**Assignment:**
Should a line in the entries below contain "IFCWINDOW", return that line.

Saved entries
------------------------------

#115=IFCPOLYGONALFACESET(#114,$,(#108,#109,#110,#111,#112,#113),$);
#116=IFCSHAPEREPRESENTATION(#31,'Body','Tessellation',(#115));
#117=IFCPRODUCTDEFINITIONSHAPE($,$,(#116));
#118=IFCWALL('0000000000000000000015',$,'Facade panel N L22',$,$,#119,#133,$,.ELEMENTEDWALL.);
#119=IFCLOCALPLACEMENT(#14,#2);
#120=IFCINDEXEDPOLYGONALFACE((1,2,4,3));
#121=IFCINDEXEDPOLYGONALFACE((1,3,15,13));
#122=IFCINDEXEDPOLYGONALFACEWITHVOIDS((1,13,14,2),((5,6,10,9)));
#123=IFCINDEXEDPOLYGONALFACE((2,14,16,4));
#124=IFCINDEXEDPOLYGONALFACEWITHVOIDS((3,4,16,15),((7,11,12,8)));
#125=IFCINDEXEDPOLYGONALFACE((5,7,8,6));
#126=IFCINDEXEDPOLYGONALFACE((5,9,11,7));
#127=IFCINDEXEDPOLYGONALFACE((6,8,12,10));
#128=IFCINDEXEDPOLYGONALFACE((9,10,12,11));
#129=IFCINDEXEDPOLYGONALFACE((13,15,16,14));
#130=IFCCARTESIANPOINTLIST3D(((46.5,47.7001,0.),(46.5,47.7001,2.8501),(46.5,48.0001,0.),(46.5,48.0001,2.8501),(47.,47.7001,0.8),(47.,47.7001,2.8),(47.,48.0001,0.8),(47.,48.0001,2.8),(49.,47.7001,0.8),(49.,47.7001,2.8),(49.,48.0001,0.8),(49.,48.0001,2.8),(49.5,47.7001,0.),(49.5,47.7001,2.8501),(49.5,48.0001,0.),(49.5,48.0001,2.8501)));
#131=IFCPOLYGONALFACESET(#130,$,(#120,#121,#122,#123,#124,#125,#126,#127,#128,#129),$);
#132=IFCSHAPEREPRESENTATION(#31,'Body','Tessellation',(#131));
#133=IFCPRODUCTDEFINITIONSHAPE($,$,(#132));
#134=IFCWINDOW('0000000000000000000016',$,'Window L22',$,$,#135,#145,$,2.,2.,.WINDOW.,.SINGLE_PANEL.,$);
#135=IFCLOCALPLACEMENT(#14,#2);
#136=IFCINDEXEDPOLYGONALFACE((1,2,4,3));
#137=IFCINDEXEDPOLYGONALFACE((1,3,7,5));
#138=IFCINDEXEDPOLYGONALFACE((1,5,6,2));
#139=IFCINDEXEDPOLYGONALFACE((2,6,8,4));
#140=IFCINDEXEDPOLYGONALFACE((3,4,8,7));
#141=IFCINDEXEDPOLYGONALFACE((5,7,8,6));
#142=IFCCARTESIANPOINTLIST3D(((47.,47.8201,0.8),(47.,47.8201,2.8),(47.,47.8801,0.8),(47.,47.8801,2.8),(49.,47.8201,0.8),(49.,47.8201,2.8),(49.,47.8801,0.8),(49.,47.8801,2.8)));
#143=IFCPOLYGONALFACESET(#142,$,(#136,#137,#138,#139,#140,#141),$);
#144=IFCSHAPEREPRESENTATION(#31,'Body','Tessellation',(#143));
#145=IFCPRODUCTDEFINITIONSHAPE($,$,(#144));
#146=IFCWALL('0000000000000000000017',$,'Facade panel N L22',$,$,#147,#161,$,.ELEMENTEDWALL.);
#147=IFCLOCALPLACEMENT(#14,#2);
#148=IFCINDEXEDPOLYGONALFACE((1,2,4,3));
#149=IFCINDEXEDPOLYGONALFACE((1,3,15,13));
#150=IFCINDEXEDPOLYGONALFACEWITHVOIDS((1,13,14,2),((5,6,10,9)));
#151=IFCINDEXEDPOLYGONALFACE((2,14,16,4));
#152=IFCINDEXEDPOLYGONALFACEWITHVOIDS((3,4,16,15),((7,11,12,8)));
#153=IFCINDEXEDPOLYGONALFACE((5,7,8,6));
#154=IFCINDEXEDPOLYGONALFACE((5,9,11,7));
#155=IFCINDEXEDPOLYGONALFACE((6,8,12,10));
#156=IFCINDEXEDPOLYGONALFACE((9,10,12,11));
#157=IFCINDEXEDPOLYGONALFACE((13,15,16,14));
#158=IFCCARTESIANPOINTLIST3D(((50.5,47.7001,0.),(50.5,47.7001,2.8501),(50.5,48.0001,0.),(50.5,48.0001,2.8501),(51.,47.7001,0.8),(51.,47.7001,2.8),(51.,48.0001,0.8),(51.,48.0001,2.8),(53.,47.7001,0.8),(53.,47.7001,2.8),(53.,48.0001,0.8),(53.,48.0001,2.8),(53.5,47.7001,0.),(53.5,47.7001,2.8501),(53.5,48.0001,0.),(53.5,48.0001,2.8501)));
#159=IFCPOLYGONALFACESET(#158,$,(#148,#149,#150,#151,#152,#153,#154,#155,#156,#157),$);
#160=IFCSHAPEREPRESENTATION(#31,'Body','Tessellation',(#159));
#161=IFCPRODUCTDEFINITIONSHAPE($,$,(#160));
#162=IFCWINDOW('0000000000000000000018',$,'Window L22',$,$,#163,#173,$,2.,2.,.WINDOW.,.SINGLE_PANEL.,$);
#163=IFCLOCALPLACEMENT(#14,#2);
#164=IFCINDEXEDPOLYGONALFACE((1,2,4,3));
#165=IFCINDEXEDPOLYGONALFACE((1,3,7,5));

------------------------------

**Exercise result:**
#134=IFCWINDOW('0000000000000000000016',$,'Window L22',$,$,#135,#145,$,2.,2.,.WINDOW.,.SINGLE_PANEL.,$);
#162=IFCWINDOW('0000000000000000000018',$,'Window L22',$,$,#163,#173,$,2.,2.,.WINDOW.,.SINGLE_PANEL.,$);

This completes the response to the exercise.